● WHAT IS BEING ASKED
Count the lines in the data below holding the string "IFCRELAGGREGATES" and write the total by itself.
##### RECORDS TO USE
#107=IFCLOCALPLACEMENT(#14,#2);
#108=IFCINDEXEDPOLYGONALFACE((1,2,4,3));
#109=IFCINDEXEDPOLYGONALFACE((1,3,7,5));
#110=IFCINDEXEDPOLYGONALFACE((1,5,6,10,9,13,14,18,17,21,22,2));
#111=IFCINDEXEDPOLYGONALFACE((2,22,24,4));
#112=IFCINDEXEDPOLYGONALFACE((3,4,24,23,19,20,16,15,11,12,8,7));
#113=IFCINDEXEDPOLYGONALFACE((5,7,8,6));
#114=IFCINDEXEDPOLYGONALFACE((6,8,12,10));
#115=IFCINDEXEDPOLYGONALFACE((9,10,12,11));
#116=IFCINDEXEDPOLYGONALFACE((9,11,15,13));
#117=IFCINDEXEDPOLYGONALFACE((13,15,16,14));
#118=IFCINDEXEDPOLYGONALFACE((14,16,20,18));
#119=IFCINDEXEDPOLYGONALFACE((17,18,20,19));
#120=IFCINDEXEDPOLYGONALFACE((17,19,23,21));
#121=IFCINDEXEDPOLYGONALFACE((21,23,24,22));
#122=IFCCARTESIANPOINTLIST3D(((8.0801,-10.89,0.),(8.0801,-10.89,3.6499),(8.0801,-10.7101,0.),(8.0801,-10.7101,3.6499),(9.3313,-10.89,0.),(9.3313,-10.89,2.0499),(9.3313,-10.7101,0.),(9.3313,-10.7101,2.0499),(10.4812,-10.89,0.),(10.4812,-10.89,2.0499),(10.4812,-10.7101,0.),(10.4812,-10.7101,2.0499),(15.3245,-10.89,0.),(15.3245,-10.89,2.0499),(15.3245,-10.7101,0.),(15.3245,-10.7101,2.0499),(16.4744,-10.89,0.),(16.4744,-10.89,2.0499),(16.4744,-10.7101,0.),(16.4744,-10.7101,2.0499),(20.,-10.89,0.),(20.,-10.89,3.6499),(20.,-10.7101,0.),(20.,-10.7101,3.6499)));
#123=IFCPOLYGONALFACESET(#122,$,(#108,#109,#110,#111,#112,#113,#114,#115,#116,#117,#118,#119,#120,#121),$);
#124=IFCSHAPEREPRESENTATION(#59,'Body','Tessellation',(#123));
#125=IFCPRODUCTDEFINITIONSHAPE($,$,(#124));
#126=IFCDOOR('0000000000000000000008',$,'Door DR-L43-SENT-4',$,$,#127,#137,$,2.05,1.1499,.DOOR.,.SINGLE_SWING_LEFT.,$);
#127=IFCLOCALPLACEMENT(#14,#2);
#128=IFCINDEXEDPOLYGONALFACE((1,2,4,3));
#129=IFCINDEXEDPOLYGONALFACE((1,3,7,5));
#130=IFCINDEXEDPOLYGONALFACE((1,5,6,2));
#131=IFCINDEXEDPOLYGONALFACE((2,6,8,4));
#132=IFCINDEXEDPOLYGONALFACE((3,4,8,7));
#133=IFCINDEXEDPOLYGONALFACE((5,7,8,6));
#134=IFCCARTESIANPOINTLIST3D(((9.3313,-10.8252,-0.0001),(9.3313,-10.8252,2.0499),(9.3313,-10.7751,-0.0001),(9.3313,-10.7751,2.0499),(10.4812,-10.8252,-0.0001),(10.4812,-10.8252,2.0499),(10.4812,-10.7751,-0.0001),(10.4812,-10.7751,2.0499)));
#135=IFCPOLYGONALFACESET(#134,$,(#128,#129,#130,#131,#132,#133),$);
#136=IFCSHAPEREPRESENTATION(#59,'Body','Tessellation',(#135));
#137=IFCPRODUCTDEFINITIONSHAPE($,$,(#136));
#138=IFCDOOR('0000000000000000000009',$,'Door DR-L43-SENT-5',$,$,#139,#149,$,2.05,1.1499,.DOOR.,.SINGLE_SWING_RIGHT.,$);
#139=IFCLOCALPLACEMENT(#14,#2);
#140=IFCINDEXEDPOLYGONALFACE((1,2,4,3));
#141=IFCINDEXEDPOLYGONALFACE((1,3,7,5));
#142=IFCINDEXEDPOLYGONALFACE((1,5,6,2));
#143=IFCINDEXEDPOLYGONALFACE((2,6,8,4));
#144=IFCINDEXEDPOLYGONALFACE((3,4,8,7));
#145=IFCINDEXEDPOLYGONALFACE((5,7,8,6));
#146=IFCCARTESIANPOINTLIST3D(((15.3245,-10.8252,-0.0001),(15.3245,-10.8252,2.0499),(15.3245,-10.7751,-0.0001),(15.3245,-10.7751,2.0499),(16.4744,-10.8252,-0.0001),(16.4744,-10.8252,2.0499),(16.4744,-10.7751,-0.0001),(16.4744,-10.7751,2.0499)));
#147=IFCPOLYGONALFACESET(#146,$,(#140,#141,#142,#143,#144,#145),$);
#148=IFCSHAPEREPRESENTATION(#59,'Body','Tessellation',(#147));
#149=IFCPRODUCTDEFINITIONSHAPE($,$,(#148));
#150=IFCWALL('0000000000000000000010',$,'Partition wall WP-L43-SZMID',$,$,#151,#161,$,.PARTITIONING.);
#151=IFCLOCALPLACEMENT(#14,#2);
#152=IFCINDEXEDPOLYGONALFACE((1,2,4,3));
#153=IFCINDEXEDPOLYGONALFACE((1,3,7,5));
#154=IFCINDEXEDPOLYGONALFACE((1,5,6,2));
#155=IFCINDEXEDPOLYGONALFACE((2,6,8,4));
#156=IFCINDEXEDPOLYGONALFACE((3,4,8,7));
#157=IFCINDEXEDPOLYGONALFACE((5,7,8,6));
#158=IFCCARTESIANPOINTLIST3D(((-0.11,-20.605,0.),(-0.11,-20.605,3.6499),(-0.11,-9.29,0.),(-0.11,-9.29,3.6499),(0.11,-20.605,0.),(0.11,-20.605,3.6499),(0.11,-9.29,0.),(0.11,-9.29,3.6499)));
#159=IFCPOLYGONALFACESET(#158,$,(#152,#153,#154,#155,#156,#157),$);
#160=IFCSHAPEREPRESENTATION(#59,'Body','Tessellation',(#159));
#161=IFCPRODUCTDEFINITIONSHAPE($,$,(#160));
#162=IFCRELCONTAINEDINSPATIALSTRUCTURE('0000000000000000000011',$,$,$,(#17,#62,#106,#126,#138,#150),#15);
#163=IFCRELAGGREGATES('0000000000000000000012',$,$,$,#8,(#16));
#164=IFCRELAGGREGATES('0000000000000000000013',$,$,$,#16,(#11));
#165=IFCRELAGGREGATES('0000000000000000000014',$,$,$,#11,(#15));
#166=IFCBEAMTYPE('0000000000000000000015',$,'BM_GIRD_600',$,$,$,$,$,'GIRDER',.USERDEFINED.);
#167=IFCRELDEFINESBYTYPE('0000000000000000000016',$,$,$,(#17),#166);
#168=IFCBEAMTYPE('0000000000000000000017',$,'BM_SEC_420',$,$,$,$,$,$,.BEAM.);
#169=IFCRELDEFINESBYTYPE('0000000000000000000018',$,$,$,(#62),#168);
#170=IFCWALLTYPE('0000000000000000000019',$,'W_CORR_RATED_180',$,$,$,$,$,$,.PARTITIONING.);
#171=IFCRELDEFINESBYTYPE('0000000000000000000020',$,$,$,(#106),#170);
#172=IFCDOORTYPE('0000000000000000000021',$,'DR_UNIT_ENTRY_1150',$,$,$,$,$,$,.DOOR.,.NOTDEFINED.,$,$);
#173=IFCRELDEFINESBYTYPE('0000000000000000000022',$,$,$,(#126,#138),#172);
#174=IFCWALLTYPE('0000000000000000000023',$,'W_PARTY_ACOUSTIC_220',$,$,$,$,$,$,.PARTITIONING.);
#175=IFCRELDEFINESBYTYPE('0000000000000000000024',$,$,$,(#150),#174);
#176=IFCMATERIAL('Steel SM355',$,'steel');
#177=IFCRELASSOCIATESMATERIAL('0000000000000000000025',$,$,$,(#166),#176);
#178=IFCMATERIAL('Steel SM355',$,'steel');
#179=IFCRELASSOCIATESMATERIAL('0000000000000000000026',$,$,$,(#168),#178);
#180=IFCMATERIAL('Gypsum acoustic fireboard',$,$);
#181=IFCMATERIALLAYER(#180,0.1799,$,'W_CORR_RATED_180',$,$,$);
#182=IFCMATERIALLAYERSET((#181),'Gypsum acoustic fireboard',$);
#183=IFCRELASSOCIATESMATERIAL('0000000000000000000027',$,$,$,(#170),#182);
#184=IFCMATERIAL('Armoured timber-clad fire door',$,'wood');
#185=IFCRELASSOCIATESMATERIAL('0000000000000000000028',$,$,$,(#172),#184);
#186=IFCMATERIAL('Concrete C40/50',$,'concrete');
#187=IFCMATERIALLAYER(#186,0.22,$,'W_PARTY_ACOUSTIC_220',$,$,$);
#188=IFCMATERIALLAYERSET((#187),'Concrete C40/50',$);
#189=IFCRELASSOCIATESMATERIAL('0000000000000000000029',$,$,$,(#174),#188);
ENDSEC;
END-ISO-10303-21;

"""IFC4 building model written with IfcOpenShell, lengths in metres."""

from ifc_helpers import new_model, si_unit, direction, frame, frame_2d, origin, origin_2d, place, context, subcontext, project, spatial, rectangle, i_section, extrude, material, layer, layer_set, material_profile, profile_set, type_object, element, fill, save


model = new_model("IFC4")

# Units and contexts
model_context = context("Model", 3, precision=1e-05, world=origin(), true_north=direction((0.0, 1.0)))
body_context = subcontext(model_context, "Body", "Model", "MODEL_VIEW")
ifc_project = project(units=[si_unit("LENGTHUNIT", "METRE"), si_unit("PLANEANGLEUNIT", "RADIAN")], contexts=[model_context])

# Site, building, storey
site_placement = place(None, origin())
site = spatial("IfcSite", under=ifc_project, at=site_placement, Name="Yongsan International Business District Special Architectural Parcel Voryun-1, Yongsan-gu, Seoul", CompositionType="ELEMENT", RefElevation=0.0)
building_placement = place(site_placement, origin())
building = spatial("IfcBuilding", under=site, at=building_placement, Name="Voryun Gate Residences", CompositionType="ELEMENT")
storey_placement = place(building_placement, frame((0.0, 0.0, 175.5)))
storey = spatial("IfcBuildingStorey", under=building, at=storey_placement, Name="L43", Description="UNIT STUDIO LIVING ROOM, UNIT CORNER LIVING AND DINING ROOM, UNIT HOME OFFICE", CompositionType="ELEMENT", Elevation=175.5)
##########
● RESPONSE TO THE EXERCISE
3